▶ _Exercise details_
Below are some records. Return exactly the lines from the one containing "#34=IFCINDEXEDPOLYGONALFACE((1,5,6,2));" through the one containing "#41=IFCPRODUCTDEFINITIONSHAPE($,$,(#40));", both included, and only those.

▶ _Records provided_

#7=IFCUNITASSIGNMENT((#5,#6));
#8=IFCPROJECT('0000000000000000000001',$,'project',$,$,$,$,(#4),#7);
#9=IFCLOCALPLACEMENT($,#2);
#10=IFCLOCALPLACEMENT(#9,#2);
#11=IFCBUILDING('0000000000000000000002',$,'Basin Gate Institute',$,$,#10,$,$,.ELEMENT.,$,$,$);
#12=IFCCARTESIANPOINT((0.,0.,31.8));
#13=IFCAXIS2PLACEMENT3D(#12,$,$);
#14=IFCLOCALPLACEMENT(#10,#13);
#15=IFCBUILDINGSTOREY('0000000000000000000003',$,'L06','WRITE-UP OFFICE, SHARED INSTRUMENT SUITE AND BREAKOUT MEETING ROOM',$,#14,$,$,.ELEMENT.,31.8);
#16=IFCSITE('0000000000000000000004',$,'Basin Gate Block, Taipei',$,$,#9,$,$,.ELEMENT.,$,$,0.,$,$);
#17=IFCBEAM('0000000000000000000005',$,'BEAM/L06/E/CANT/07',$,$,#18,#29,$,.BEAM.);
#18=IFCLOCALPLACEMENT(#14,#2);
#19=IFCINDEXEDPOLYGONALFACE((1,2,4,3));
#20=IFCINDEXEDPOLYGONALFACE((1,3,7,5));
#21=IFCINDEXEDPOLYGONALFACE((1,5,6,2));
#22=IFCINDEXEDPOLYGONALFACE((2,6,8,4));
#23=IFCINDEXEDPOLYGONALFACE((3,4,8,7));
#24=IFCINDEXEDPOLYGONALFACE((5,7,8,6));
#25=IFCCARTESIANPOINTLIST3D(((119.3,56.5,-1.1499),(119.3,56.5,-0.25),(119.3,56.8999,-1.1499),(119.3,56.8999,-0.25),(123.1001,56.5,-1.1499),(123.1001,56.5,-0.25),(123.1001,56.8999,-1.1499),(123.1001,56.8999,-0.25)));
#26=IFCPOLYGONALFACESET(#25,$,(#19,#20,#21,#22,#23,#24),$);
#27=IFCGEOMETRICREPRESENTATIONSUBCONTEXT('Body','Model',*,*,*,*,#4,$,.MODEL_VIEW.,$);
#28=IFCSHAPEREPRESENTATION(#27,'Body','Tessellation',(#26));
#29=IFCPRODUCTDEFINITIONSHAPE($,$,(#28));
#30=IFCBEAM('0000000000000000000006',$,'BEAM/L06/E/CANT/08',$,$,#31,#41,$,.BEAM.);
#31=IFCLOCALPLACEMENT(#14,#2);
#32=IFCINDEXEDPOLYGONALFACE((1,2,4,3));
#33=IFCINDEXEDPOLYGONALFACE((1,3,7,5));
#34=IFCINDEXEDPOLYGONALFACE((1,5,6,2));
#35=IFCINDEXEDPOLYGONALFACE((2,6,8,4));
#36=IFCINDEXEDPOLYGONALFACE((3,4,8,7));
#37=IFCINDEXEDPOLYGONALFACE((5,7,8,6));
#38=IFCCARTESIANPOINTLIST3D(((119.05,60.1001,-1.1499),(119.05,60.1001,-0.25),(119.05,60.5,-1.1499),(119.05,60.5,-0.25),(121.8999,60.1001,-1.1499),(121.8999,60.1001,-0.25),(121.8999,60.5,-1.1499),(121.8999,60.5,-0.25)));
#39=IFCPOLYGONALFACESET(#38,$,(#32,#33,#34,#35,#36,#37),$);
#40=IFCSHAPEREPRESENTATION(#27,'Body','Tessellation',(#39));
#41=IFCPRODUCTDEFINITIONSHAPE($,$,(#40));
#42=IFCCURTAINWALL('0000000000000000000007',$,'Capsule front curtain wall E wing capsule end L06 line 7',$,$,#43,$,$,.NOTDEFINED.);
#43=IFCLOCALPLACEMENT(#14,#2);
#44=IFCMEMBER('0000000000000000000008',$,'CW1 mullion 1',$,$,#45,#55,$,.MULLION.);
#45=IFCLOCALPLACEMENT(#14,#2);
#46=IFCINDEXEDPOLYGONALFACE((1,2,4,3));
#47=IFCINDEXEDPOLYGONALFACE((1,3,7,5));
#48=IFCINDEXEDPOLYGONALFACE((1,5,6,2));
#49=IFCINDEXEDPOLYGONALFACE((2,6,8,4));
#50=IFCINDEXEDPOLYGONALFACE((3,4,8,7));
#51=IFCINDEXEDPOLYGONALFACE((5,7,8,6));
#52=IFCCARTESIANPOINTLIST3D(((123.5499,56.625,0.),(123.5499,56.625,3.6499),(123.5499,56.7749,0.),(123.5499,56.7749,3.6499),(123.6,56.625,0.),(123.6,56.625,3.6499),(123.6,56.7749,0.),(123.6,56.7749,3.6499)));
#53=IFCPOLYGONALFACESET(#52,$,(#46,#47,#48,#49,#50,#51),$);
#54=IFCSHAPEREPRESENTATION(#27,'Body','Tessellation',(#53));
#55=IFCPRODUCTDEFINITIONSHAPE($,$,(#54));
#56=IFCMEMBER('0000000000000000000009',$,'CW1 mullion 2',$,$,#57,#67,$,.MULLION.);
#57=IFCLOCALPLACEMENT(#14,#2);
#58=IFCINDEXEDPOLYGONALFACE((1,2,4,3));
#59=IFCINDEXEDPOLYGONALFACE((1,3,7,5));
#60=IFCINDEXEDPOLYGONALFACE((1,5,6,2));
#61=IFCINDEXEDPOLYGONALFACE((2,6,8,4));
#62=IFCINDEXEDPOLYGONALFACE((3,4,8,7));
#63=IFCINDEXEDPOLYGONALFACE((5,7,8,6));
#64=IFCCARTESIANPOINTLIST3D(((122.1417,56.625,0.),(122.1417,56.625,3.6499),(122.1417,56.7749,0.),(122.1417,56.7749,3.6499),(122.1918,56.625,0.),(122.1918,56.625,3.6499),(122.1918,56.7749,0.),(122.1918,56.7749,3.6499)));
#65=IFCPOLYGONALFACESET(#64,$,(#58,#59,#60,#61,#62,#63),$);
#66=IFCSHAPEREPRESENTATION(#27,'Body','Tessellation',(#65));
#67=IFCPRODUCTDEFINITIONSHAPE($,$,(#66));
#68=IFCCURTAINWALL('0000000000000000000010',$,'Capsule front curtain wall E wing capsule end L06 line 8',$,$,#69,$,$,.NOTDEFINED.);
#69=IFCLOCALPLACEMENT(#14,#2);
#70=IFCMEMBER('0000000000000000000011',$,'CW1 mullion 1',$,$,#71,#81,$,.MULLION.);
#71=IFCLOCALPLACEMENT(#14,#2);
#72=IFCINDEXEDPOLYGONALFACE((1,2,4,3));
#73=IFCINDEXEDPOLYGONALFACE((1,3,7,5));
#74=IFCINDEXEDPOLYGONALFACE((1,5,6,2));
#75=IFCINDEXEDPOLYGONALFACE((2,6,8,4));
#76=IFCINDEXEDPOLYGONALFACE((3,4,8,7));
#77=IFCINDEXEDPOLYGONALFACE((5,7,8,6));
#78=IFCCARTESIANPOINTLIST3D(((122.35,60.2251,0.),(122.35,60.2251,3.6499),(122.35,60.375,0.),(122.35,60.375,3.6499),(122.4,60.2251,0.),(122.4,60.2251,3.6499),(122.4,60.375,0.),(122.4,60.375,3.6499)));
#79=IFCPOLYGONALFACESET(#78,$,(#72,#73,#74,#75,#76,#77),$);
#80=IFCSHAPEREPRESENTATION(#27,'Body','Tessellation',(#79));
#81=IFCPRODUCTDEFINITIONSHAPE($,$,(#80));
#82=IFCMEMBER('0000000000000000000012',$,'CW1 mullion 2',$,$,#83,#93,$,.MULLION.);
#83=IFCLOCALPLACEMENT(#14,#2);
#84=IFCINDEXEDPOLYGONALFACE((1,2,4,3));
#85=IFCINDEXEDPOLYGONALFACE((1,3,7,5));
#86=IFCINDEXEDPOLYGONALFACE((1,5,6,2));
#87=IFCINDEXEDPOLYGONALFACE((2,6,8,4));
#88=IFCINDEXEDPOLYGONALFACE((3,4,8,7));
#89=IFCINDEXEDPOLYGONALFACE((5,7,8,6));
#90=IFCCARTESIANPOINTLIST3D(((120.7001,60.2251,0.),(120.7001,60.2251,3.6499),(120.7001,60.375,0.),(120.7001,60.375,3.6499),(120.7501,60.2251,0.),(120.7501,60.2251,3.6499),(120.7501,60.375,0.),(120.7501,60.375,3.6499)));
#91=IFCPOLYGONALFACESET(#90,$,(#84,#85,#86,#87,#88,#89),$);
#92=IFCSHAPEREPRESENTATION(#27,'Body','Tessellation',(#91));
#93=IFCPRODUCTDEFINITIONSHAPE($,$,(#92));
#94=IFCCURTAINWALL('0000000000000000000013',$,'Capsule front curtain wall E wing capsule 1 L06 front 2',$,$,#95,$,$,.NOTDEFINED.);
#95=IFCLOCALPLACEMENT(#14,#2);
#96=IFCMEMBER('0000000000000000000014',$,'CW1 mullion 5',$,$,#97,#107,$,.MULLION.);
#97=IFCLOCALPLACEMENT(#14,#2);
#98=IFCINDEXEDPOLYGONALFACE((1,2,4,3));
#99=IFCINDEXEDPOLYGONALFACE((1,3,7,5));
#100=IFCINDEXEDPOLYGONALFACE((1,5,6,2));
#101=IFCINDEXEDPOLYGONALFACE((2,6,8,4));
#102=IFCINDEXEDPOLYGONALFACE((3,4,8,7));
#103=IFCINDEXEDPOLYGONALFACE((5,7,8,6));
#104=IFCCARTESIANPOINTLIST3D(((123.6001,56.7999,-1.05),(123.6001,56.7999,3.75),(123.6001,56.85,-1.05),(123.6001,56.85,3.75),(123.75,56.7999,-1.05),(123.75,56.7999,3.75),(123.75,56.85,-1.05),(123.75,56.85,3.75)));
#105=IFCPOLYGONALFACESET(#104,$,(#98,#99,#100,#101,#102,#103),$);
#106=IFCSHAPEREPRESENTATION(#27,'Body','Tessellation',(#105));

--

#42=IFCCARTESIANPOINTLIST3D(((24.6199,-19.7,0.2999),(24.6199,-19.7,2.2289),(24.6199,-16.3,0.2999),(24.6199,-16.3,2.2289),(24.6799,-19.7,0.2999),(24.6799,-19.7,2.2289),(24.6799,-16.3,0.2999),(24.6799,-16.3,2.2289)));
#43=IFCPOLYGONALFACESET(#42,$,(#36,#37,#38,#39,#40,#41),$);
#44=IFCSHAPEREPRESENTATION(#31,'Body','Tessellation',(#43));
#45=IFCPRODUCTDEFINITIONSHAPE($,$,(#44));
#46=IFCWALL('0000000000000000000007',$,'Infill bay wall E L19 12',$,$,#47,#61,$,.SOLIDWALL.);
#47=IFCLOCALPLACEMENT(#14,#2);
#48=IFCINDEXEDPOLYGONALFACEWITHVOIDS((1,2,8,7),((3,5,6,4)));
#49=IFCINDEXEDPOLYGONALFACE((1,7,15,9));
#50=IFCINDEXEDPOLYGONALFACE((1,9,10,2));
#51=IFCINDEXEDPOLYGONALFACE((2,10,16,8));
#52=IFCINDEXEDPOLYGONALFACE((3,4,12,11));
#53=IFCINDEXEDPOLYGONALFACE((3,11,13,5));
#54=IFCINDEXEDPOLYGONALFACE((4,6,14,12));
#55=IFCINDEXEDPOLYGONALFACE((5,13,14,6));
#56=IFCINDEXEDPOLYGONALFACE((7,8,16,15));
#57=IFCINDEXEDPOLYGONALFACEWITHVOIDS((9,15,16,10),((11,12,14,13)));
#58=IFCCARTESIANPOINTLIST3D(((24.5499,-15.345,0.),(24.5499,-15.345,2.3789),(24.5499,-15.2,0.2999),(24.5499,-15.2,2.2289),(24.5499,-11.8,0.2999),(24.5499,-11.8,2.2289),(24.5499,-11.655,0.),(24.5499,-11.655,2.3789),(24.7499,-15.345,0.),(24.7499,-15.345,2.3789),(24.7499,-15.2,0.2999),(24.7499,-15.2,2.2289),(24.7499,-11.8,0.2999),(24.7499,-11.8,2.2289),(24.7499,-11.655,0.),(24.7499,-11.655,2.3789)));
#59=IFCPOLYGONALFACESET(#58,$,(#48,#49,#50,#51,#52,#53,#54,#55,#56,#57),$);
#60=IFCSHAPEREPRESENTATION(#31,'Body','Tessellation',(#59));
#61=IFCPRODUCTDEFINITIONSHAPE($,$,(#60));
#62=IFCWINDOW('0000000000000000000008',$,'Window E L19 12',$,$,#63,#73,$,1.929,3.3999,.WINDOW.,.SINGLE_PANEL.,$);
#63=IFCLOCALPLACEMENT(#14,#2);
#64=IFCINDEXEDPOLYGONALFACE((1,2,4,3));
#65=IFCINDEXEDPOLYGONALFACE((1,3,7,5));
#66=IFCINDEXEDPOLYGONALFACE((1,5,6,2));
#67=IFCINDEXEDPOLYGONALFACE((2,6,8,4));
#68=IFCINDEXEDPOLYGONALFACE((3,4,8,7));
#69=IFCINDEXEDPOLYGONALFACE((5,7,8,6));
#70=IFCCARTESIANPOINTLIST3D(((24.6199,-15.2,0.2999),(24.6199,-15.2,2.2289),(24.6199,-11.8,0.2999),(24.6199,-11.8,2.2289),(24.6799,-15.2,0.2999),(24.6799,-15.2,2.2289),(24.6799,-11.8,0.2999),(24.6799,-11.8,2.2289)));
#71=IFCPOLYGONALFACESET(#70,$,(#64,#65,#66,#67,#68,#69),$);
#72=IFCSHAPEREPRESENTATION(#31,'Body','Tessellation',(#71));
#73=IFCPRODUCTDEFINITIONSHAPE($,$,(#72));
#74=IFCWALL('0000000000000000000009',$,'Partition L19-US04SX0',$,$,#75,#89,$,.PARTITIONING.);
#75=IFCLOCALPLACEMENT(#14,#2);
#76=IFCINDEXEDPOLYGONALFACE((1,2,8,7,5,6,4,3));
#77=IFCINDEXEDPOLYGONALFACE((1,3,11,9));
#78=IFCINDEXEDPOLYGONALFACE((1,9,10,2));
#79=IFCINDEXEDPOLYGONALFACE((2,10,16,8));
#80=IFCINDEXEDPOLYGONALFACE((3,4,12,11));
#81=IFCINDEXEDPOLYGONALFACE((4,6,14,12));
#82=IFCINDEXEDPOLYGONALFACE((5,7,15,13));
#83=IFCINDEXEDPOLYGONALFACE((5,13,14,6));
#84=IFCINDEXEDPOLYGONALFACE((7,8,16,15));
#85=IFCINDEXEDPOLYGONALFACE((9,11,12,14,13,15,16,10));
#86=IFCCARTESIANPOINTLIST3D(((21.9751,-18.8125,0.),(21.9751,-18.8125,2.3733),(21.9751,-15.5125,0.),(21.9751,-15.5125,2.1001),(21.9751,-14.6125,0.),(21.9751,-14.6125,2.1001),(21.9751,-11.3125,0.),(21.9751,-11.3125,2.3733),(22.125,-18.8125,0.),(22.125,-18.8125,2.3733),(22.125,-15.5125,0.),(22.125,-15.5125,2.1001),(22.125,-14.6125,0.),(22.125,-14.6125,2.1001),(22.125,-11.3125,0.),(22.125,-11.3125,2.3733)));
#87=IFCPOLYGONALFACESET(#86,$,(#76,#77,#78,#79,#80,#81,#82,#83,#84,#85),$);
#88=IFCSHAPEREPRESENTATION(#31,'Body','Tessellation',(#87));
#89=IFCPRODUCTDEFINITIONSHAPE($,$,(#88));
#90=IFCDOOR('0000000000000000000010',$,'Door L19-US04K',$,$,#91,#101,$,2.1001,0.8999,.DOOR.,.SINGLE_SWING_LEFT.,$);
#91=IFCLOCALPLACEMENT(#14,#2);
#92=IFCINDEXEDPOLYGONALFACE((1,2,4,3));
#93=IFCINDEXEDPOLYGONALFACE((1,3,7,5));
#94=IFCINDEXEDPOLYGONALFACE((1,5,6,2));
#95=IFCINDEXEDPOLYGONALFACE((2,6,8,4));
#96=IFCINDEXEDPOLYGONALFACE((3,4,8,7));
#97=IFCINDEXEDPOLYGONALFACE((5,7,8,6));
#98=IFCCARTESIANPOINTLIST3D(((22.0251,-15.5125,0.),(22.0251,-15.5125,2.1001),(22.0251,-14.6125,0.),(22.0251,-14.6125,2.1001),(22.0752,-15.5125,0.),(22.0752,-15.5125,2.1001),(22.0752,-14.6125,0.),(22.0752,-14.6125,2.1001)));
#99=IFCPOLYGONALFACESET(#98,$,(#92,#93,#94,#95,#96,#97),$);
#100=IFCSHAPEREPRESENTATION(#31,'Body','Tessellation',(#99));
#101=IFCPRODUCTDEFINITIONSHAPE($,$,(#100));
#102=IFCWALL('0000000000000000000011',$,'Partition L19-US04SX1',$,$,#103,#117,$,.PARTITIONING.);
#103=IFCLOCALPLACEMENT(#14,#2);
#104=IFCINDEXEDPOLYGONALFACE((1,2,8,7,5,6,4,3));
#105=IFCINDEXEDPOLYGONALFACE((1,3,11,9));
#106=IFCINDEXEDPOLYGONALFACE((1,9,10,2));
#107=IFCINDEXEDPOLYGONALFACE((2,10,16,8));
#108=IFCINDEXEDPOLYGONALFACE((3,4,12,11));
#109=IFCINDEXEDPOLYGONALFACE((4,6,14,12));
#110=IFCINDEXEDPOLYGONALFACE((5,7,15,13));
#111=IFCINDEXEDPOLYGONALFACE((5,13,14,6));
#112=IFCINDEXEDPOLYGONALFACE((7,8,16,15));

▶ _Answer to this task_
#34=IFCINDEXEDPOLYGONALFACE((1,5,6,2));
#35=IFCINDEXEDPOLYGONALFACE((2,6,8,4));
#36=IFCINDEXEDPOLYGONALFACE((3,4,8,7));
#37=IFCINDEXEDPOLYGONALFACE((5,7,8,6));
#38=IFCCARTESIANPOINTLIST3D(((119.05,60.1001,-1.1499),(119.05,60.1001,-0.25),(119.05,60.5,-1.1499),(119.05,60.5,-0.25),(121.8999,60.1001,-1.1499),(121.8999,60.1001,-0.25),(121.8999,60.5,-1.1499),(121.8999,60.5,-0.25)));
#39=IFCPOLYGONALFACESET(#38,$,(#32,#33,#34,#35,#36,#37),$);
#40=IFCSHAPEREPRESENTATION(#27,'Body','Tessellation',(#39));
#41=IFCPRODUCTDEFINITIONSHAPE($,$,(#40));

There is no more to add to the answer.